Assigned task: The answer is a single figure: how many lines below contain the word "MULLION".

*** Given records ***

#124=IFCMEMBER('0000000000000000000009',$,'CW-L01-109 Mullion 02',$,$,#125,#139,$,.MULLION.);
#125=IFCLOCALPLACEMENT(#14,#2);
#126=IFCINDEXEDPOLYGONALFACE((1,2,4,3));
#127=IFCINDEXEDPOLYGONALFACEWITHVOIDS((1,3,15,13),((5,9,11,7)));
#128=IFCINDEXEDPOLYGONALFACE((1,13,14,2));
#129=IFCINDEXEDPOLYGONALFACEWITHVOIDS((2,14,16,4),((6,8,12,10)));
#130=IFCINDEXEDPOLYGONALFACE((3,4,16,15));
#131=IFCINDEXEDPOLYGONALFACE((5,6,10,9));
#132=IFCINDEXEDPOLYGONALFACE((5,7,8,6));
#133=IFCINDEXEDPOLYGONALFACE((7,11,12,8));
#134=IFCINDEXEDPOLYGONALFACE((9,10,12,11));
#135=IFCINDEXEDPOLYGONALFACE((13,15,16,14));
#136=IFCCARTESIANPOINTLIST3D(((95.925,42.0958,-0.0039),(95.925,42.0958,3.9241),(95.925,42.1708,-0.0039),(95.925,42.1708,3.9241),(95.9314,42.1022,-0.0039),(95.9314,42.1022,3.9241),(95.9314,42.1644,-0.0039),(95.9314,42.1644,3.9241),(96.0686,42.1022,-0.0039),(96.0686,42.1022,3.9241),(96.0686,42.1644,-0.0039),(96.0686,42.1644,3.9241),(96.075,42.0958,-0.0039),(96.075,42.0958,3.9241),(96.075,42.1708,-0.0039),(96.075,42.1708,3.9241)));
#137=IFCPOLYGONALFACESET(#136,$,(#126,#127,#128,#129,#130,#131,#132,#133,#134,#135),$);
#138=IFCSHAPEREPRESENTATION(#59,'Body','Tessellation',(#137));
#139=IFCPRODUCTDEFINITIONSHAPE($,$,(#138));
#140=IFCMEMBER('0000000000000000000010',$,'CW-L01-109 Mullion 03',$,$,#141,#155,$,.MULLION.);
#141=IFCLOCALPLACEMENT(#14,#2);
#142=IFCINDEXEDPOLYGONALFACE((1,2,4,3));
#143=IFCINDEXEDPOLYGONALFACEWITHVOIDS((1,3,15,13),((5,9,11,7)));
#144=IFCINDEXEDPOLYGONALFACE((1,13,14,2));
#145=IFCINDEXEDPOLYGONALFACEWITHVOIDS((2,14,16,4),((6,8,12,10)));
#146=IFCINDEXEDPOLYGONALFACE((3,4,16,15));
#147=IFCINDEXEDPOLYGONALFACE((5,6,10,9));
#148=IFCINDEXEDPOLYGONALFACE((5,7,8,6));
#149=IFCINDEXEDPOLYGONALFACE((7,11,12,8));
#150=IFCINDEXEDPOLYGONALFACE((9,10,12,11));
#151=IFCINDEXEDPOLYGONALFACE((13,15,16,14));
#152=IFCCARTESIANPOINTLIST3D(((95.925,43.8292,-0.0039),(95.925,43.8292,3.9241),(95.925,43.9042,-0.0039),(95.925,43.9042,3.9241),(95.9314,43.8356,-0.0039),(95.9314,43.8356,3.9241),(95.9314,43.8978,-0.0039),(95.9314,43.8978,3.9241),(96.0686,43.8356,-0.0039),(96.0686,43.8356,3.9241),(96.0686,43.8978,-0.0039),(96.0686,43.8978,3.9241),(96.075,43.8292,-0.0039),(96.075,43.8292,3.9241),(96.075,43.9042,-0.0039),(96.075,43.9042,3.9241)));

*** End of Given records ***
*** Given records ***

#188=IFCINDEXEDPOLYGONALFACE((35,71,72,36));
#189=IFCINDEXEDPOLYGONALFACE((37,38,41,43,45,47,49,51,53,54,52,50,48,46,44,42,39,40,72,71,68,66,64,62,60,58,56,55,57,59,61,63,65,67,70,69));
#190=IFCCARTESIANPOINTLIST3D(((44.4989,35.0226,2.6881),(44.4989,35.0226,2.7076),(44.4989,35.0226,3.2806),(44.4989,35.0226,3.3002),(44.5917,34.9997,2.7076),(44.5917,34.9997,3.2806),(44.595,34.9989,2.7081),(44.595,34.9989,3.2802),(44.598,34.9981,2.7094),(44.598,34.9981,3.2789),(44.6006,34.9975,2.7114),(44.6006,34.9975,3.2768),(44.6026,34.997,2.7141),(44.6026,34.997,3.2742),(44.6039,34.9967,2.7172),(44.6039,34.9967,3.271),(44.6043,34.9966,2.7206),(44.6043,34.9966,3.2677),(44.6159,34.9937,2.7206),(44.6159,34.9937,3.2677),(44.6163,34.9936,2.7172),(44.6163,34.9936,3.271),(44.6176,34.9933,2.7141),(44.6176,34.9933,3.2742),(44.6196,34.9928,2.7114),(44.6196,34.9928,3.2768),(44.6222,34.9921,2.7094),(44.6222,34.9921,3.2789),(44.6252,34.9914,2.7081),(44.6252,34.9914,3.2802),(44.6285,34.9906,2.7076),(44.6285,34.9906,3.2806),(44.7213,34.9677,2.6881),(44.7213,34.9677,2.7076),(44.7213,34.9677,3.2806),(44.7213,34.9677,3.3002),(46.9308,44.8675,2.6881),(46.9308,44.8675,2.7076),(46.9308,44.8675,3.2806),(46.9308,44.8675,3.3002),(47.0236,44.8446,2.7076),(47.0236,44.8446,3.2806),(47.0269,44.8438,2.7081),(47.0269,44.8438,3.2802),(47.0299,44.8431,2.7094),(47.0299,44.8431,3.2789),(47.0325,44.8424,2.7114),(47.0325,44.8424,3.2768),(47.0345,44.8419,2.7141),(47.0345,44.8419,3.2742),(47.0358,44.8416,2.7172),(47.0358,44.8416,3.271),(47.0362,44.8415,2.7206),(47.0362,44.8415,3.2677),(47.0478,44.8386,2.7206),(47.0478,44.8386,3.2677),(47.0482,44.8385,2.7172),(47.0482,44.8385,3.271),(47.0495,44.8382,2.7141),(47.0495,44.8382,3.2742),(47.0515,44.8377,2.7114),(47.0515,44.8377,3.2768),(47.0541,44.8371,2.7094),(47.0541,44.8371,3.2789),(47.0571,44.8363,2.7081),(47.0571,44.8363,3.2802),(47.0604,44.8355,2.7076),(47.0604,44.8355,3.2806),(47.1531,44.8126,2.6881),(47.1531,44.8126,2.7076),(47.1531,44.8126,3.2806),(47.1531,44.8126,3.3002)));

*** End of Given records ***
*** Given records ***

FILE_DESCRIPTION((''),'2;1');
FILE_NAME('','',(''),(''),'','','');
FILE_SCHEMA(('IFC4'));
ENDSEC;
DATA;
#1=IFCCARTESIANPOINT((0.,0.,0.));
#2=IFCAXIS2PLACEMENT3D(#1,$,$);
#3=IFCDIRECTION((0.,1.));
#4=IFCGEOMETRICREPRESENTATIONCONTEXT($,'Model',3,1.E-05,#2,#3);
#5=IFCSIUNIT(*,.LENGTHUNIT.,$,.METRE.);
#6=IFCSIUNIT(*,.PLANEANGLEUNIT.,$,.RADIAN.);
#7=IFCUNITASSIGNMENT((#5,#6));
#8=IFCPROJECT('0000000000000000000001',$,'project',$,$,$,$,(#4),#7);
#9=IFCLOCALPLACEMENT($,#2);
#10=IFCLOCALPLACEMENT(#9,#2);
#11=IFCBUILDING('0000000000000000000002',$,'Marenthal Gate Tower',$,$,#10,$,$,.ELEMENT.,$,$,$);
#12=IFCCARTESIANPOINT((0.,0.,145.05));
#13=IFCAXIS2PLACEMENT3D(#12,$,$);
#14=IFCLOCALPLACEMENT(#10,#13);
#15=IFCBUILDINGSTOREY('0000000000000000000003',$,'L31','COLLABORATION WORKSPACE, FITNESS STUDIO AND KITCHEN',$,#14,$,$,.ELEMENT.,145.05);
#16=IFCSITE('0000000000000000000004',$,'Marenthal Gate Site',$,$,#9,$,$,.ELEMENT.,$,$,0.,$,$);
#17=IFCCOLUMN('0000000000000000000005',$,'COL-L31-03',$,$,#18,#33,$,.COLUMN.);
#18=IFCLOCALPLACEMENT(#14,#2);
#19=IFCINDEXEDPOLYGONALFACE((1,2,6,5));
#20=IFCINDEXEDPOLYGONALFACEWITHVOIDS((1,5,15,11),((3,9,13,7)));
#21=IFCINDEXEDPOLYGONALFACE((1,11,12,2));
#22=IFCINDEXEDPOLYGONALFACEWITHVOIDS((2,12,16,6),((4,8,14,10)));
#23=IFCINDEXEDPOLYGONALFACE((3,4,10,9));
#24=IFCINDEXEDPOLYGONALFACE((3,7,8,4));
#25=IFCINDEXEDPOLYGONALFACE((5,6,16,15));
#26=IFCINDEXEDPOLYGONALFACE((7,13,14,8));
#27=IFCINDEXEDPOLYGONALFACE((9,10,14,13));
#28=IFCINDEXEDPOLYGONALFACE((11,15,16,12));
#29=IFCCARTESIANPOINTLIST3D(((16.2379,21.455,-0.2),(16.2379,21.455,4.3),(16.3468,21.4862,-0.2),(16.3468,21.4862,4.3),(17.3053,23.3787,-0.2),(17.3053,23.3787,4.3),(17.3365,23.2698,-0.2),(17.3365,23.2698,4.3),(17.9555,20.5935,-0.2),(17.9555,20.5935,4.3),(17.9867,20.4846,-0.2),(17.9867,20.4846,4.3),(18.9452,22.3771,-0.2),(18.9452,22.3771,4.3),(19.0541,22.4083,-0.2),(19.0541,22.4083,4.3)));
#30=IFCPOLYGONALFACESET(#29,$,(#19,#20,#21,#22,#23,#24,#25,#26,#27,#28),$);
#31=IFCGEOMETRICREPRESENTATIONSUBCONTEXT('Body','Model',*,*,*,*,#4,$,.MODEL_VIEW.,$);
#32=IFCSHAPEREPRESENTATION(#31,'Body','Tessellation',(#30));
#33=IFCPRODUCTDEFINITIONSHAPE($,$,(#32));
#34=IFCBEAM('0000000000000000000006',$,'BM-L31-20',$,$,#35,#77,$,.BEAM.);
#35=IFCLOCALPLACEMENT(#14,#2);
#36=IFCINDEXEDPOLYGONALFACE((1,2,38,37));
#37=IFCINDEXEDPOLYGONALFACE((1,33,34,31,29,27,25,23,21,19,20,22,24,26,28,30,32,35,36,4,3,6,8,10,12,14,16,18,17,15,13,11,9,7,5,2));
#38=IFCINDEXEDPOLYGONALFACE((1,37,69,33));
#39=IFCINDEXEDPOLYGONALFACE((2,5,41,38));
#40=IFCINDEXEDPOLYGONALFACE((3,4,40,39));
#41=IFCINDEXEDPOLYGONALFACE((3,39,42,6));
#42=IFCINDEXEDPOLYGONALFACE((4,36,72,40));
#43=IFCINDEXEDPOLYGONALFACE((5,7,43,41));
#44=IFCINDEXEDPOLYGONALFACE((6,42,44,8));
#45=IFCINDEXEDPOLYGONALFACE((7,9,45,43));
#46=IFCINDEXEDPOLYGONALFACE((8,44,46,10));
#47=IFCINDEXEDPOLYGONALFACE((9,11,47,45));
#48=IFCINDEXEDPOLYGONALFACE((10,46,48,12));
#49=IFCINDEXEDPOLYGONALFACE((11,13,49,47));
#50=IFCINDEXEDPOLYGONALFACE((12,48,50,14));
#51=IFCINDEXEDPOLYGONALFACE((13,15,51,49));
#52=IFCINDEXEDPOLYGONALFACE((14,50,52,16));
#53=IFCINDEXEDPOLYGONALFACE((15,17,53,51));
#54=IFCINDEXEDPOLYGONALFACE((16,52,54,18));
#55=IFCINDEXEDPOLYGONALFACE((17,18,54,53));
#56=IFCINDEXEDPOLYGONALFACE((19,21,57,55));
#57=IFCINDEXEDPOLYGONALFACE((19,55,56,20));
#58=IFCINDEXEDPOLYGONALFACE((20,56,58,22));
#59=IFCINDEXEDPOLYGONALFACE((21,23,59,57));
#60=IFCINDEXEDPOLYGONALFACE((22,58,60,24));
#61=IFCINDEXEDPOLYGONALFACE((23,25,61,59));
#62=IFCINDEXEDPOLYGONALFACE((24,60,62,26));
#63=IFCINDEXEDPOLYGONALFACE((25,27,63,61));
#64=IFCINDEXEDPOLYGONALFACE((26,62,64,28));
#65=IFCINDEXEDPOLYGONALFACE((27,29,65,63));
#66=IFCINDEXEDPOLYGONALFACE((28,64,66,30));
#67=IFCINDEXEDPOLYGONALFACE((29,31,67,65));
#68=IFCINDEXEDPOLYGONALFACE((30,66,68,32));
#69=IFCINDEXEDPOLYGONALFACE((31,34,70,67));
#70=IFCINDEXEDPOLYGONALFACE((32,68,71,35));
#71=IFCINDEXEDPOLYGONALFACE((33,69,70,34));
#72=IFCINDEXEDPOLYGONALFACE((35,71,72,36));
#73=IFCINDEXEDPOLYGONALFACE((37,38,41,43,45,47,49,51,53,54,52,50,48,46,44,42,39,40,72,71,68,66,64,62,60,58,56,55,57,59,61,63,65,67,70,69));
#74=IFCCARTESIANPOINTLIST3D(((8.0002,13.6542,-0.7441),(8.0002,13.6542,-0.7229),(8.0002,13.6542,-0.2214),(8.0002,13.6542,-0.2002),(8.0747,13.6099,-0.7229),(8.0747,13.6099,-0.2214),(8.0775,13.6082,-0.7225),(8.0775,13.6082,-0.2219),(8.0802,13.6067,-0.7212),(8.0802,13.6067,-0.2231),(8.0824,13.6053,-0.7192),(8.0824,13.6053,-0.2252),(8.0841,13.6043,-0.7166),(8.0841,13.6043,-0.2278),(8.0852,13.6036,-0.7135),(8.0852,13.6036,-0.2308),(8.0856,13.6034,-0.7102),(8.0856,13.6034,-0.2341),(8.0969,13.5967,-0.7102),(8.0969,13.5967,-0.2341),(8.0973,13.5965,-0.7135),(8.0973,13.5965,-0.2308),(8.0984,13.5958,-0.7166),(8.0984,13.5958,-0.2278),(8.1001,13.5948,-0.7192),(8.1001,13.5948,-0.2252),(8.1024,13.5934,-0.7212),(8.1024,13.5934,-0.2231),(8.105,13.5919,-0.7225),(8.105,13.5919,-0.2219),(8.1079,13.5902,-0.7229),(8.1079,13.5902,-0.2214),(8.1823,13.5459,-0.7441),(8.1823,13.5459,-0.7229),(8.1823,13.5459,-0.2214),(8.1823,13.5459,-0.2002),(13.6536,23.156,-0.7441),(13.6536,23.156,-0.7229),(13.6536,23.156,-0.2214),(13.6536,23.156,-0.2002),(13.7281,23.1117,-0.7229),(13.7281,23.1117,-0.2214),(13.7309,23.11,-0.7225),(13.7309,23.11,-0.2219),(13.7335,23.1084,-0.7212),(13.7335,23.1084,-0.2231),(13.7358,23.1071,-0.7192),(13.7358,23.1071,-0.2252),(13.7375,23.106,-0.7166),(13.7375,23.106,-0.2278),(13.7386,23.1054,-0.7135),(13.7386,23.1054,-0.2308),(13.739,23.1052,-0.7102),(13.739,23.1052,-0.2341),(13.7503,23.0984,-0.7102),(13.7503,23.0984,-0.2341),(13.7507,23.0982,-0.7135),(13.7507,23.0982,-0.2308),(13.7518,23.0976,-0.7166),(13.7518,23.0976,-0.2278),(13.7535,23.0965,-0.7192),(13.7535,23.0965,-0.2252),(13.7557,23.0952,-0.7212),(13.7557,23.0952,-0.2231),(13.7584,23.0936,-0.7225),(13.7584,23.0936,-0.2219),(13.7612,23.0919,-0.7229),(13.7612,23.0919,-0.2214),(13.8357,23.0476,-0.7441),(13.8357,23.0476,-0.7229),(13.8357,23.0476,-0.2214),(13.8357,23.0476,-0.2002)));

*** End of Given records ***

Exercise solution: 2